*PROBLEM*
Lines below that hold the word "IFCRELDEFINESBYTYPE" must be copied in full.

*DATA TO PROCESS*
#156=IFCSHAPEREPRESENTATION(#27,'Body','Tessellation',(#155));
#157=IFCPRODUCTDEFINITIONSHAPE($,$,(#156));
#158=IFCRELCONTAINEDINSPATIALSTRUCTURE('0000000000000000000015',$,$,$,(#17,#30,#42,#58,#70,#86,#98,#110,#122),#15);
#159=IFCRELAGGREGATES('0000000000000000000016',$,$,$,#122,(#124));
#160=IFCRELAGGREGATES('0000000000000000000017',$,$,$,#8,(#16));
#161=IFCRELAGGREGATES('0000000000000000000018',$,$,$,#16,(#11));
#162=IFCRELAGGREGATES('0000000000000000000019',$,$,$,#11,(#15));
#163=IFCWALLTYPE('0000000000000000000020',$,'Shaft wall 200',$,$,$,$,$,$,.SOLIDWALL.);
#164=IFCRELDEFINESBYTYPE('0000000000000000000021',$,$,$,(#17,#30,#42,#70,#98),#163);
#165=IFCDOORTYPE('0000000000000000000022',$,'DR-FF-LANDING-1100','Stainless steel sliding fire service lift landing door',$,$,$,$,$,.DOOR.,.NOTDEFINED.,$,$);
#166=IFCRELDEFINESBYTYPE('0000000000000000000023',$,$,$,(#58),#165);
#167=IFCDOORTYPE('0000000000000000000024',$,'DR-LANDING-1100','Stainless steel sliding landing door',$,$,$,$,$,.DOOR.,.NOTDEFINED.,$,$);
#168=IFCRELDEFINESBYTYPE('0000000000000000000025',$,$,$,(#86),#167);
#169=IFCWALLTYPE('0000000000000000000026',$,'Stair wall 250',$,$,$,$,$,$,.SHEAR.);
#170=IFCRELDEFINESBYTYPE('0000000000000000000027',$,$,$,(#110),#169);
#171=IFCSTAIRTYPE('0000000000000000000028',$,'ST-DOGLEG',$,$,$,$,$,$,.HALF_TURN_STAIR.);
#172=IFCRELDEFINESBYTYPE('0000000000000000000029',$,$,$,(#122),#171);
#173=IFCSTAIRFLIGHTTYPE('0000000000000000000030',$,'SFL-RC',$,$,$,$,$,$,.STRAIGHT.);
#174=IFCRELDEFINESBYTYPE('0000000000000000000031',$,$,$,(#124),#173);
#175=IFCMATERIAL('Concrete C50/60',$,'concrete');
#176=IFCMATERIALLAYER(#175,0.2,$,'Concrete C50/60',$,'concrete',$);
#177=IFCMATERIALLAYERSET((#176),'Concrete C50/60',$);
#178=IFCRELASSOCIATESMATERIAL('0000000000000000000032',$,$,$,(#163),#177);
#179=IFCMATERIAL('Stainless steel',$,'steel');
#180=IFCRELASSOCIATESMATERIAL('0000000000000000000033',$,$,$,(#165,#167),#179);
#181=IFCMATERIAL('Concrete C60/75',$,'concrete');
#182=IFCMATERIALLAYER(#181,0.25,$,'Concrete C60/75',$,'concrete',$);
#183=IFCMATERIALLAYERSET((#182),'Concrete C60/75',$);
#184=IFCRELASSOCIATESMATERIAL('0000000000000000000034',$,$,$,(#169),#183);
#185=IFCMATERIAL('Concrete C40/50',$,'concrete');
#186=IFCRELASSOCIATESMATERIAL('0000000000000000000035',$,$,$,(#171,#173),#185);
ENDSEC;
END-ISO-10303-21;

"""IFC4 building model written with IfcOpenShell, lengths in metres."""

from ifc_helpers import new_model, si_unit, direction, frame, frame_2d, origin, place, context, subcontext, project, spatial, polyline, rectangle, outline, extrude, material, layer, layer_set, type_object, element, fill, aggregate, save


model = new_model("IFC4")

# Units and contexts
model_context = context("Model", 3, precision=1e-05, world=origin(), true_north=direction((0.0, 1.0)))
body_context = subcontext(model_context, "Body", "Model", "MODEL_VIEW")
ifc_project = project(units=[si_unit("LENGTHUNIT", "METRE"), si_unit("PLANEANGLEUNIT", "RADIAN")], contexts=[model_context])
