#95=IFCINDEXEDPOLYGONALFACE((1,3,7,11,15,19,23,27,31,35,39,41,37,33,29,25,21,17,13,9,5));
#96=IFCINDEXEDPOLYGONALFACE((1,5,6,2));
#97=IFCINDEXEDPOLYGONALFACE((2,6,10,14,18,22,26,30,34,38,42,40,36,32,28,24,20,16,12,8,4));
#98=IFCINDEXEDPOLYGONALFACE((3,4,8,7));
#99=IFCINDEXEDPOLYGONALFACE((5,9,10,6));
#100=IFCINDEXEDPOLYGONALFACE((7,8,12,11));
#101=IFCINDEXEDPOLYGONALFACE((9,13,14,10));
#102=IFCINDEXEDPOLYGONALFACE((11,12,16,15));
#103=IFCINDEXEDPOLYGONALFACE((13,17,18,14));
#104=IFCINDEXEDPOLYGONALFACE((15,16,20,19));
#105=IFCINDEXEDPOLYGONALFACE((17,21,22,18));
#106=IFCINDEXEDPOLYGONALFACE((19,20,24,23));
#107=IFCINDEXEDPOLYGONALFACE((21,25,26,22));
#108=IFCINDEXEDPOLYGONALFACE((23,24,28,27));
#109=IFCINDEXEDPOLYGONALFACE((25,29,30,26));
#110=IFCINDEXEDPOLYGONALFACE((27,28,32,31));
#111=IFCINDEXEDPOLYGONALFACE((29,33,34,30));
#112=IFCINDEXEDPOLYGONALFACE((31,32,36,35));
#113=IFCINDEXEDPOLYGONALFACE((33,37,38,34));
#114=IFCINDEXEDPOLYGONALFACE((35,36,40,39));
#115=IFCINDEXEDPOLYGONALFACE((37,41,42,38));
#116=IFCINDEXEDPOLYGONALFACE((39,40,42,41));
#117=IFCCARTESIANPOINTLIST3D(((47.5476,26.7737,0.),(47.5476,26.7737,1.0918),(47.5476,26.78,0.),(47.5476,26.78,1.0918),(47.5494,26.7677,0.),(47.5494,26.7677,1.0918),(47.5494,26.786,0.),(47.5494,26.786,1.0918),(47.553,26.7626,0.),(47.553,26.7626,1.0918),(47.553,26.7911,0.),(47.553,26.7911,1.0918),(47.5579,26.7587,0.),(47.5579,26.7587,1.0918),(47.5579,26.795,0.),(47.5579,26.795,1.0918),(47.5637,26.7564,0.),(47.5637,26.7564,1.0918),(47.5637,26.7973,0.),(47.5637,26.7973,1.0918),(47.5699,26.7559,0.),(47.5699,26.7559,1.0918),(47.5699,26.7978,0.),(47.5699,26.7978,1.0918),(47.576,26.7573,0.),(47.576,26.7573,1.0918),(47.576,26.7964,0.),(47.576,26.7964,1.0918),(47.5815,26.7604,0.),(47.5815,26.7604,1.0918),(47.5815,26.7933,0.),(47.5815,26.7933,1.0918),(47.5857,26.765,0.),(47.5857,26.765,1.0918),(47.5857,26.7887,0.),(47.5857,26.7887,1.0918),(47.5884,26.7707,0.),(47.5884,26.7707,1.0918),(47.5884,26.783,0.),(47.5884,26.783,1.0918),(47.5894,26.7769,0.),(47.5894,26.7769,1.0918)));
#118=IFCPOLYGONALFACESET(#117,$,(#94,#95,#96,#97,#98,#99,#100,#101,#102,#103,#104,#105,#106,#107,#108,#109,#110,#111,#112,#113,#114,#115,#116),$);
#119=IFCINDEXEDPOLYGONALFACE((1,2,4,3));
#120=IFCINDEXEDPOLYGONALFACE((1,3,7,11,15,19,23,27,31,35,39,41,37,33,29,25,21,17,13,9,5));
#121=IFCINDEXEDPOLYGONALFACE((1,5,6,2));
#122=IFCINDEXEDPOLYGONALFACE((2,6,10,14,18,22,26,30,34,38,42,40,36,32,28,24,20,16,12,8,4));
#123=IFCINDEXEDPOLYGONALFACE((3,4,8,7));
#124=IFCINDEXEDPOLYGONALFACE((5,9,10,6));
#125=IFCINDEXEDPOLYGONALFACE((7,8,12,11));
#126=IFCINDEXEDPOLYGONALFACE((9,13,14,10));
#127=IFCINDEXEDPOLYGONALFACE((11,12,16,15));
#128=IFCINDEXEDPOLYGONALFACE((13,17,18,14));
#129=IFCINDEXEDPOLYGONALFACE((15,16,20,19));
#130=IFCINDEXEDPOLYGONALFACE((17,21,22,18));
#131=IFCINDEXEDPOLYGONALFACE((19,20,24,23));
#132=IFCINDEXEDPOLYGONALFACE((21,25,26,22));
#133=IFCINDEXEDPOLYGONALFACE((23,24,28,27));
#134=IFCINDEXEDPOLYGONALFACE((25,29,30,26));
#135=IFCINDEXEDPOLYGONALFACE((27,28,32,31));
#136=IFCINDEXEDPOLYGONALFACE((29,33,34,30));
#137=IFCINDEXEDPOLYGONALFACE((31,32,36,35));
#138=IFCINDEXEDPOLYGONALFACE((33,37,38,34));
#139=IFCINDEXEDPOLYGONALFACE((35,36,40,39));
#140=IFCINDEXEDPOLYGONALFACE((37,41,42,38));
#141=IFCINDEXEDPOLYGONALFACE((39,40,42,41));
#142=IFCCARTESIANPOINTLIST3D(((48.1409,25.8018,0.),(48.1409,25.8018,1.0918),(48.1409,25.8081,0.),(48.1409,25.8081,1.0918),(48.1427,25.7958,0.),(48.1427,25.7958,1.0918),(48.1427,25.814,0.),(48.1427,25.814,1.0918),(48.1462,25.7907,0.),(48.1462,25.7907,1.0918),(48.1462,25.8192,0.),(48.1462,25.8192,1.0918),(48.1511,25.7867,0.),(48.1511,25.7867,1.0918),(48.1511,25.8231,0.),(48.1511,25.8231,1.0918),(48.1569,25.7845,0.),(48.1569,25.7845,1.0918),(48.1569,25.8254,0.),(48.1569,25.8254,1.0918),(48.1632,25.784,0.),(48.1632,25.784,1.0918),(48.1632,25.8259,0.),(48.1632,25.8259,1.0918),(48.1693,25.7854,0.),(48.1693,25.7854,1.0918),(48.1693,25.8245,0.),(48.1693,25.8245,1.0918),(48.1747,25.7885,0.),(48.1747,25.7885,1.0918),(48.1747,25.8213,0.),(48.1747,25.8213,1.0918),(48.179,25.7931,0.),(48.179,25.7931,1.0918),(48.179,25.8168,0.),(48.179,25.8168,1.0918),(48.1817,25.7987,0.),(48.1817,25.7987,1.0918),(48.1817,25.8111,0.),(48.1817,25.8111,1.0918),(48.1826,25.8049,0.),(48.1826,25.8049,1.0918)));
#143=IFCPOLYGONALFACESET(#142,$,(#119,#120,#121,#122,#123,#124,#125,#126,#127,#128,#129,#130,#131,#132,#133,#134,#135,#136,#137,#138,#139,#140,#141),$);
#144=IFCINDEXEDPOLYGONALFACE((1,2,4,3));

*EXERCISE ANSWER*
#164=IFCRELDEFINESBYTYPE('0000000000000000000021',$,$,$,(#17,#30,#42,#70,#98),#163);
#166=IFCRELDEFINESBYTYPE('0000000000000000000023',$,$,$,(#58),#165);
#168=IFCRELDEFINESBYTYPE('0000000000000000000025',$,$,$,(#86),#167);
#170=IFCRELDEFINESBYTYPE('0000000000000000000027',$,$,$,(#110),#169);
#172=IFCRELDEFINESBYTYPE('0000000000000000000029',$,$,$,(#122),#171);
#174=IFCRELDEFINESBYTYPE('0000000000000000000031',$,$,$,(#124),#173);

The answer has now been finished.